**Problem statement**
The word "concrete" may appear in lines of the data below. Say how many lines hold it, giving only the number.

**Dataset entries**
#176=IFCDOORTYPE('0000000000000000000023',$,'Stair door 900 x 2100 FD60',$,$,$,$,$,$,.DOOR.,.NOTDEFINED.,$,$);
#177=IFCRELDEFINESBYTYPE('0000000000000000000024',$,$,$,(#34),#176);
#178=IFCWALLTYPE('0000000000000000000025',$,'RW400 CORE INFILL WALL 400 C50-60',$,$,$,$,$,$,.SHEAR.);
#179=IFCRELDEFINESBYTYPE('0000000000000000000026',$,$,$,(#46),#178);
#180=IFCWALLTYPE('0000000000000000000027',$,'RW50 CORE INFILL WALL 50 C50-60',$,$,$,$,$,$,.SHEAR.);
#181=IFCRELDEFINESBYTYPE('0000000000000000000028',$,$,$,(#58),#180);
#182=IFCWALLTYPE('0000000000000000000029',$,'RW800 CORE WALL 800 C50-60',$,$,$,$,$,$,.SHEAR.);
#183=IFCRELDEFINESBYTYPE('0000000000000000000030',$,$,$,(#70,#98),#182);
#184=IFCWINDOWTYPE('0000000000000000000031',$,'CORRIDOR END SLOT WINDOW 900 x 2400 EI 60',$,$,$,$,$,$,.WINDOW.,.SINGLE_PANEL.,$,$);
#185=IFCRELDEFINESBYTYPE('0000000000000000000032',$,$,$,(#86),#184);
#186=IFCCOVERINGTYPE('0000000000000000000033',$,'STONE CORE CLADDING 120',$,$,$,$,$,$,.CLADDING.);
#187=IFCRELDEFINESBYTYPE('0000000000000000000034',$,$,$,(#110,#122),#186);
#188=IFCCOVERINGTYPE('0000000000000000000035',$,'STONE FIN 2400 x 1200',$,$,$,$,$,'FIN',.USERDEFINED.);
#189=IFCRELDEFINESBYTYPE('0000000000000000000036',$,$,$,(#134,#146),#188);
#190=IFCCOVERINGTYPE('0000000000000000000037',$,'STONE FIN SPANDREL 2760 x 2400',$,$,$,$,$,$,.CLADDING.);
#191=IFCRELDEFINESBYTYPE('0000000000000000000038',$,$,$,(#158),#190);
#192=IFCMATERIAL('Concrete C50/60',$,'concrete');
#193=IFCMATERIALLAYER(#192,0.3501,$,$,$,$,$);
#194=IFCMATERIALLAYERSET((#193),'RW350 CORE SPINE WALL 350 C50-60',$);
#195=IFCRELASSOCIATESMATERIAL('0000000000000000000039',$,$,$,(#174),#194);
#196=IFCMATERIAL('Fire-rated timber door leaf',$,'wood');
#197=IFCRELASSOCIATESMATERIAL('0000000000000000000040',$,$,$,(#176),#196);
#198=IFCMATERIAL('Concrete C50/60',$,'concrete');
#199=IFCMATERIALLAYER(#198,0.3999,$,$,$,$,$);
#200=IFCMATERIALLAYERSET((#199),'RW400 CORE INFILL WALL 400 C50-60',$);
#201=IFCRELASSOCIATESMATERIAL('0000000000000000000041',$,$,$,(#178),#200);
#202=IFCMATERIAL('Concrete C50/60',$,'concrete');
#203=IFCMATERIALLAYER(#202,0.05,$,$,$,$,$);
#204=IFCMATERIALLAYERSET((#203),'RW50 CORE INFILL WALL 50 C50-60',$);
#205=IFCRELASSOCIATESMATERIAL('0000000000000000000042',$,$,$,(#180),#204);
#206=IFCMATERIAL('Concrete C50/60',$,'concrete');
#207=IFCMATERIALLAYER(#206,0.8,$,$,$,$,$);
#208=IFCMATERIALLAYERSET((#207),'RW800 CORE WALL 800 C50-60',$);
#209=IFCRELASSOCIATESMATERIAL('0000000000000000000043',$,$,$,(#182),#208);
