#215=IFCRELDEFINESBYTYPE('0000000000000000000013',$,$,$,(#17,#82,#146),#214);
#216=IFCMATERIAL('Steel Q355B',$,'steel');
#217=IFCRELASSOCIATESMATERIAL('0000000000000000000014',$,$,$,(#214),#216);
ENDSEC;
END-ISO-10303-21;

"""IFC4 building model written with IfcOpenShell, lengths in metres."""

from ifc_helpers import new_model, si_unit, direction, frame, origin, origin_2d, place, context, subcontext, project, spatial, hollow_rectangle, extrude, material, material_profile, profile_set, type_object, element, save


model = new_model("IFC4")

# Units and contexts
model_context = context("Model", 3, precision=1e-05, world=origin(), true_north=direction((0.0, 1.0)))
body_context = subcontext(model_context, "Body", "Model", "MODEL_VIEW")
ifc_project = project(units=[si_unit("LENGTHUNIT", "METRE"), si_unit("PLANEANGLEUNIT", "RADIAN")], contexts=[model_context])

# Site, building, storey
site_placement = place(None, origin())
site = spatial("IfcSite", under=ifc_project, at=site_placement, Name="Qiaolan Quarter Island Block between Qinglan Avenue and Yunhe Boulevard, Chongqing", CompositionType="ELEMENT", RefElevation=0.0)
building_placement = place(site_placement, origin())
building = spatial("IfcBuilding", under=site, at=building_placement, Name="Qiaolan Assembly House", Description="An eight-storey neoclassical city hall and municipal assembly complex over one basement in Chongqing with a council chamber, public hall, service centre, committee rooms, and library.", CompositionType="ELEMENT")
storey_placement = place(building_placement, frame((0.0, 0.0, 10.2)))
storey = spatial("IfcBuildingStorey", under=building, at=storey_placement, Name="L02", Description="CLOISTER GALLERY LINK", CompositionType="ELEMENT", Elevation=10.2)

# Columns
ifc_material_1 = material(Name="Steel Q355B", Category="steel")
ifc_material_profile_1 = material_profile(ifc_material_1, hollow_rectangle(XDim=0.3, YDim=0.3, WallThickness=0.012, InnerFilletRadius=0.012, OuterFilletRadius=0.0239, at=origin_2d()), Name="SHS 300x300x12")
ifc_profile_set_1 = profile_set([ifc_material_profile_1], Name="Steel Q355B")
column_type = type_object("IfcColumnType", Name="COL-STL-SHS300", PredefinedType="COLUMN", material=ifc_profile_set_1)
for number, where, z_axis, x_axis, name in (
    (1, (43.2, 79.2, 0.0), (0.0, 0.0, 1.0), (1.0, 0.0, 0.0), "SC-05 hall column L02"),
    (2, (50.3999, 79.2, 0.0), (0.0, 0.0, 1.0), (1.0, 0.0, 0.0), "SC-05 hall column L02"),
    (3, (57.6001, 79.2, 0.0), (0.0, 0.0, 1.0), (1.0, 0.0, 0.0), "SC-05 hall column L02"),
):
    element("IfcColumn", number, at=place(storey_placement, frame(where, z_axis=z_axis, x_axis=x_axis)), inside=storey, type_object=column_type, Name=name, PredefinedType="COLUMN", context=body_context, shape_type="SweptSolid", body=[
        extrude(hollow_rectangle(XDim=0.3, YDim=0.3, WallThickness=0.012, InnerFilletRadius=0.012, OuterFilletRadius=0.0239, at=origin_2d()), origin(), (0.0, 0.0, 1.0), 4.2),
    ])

**Problem solution**
4